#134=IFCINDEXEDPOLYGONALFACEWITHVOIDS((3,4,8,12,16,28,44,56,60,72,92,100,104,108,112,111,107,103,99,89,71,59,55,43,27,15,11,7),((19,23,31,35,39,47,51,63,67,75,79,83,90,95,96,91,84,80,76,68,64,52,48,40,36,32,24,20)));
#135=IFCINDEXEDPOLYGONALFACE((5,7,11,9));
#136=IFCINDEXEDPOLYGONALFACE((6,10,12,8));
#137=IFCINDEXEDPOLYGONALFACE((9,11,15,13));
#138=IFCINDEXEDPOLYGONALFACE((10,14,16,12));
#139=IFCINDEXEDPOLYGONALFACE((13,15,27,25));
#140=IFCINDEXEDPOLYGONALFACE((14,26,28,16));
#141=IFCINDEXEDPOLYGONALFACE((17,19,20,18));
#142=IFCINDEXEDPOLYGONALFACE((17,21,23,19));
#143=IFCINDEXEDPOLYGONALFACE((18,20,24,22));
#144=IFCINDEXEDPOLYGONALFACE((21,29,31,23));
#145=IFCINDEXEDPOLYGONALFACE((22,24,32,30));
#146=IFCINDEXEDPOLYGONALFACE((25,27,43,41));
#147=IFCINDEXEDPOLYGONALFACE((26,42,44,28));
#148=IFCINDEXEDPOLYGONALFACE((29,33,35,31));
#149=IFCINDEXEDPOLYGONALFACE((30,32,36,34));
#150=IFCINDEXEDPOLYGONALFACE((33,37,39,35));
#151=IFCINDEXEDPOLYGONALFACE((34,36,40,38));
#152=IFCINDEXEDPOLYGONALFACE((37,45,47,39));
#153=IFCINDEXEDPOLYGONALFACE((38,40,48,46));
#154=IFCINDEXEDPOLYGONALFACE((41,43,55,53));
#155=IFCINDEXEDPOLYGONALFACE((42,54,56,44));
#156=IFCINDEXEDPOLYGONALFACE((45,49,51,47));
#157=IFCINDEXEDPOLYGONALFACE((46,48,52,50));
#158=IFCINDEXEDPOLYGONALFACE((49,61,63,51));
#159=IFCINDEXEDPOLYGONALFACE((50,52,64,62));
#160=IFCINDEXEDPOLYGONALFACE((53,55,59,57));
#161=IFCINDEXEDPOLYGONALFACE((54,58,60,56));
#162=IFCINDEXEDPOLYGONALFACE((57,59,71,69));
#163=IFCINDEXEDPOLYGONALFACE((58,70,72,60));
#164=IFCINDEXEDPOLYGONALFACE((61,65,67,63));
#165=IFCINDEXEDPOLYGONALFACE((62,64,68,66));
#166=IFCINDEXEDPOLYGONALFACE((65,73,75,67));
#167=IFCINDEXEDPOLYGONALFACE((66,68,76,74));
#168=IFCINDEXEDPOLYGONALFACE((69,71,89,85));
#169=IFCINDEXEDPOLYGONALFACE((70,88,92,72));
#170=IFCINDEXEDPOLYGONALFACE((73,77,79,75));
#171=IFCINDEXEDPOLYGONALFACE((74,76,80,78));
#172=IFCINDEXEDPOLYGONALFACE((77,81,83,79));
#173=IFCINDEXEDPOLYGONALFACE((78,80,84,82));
#####
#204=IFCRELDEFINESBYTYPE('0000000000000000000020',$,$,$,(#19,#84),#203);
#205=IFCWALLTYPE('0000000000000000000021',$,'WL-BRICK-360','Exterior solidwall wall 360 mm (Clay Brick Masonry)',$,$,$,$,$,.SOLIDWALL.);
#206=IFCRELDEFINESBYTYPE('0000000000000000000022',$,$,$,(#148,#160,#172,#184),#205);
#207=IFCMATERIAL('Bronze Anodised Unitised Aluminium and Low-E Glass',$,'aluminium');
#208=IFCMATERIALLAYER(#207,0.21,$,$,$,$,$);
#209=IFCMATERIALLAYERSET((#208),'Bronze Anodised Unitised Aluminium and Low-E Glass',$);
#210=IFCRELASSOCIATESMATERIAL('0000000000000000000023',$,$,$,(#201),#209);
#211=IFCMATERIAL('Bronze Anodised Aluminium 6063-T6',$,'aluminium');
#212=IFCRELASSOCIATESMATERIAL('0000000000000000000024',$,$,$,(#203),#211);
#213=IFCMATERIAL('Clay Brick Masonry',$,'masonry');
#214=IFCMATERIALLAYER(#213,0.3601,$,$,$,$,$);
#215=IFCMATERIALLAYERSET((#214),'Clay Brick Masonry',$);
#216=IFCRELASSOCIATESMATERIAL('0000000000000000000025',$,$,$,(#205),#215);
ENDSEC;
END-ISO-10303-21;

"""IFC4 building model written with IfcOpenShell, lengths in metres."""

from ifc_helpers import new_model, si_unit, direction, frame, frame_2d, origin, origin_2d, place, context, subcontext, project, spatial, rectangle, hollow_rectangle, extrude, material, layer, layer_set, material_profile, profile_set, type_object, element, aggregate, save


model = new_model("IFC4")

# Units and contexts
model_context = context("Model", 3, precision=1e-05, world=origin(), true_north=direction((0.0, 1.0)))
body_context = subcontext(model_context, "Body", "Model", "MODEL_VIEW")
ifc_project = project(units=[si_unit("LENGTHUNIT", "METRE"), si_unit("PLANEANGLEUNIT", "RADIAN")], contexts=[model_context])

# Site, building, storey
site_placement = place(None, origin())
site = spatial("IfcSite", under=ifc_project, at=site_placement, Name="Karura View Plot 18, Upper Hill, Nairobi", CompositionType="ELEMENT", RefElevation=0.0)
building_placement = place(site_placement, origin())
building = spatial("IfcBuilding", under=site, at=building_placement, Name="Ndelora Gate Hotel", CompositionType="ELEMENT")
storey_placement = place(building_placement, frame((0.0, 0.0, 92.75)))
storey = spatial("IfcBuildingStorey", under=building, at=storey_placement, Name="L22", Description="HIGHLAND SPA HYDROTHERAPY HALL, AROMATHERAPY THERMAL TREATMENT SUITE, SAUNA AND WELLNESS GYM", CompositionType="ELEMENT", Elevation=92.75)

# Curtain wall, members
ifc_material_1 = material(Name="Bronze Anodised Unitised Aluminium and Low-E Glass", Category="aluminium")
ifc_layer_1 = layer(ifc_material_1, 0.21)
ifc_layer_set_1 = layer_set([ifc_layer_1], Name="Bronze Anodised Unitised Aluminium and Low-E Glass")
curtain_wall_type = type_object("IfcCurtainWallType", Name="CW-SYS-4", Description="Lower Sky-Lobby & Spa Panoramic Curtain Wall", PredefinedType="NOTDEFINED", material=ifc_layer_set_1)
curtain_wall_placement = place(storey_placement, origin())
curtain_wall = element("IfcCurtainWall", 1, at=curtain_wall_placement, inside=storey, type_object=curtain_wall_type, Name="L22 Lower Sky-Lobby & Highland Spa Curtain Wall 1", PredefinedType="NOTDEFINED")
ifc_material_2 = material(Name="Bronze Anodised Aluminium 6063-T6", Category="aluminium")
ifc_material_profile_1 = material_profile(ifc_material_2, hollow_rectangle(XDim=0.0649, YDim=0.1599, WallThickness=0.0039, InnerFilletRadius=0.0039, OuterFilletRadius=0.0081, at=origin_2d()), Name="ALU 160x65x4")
#####
Task requirements: Taking the lines above, repeat exactly those from the line that contains "#169=IFCINDEXEDPOLYGONALFACE((70,88,92,72));" through the line that contains "#173=IFCINDEXEDPOLYGONALFACE((78,80,84,82));", and both of those lines as well. Include nothing else.

Result:
#169=IFCINDEXEDPOLYGONALFACE((70,88,92,72));
#170=IFCINDEXEDPOLYGONALFACE((73,77,79,75));
#171=IFCINDEXEDPOLYGONALFACE((74,76,80,78));
#172=IFCINDEXEDPOLYGONALFACE((77,81,83,79));
#173=IFCINDEXEDPOLYGONALFACE((78,80,84,82));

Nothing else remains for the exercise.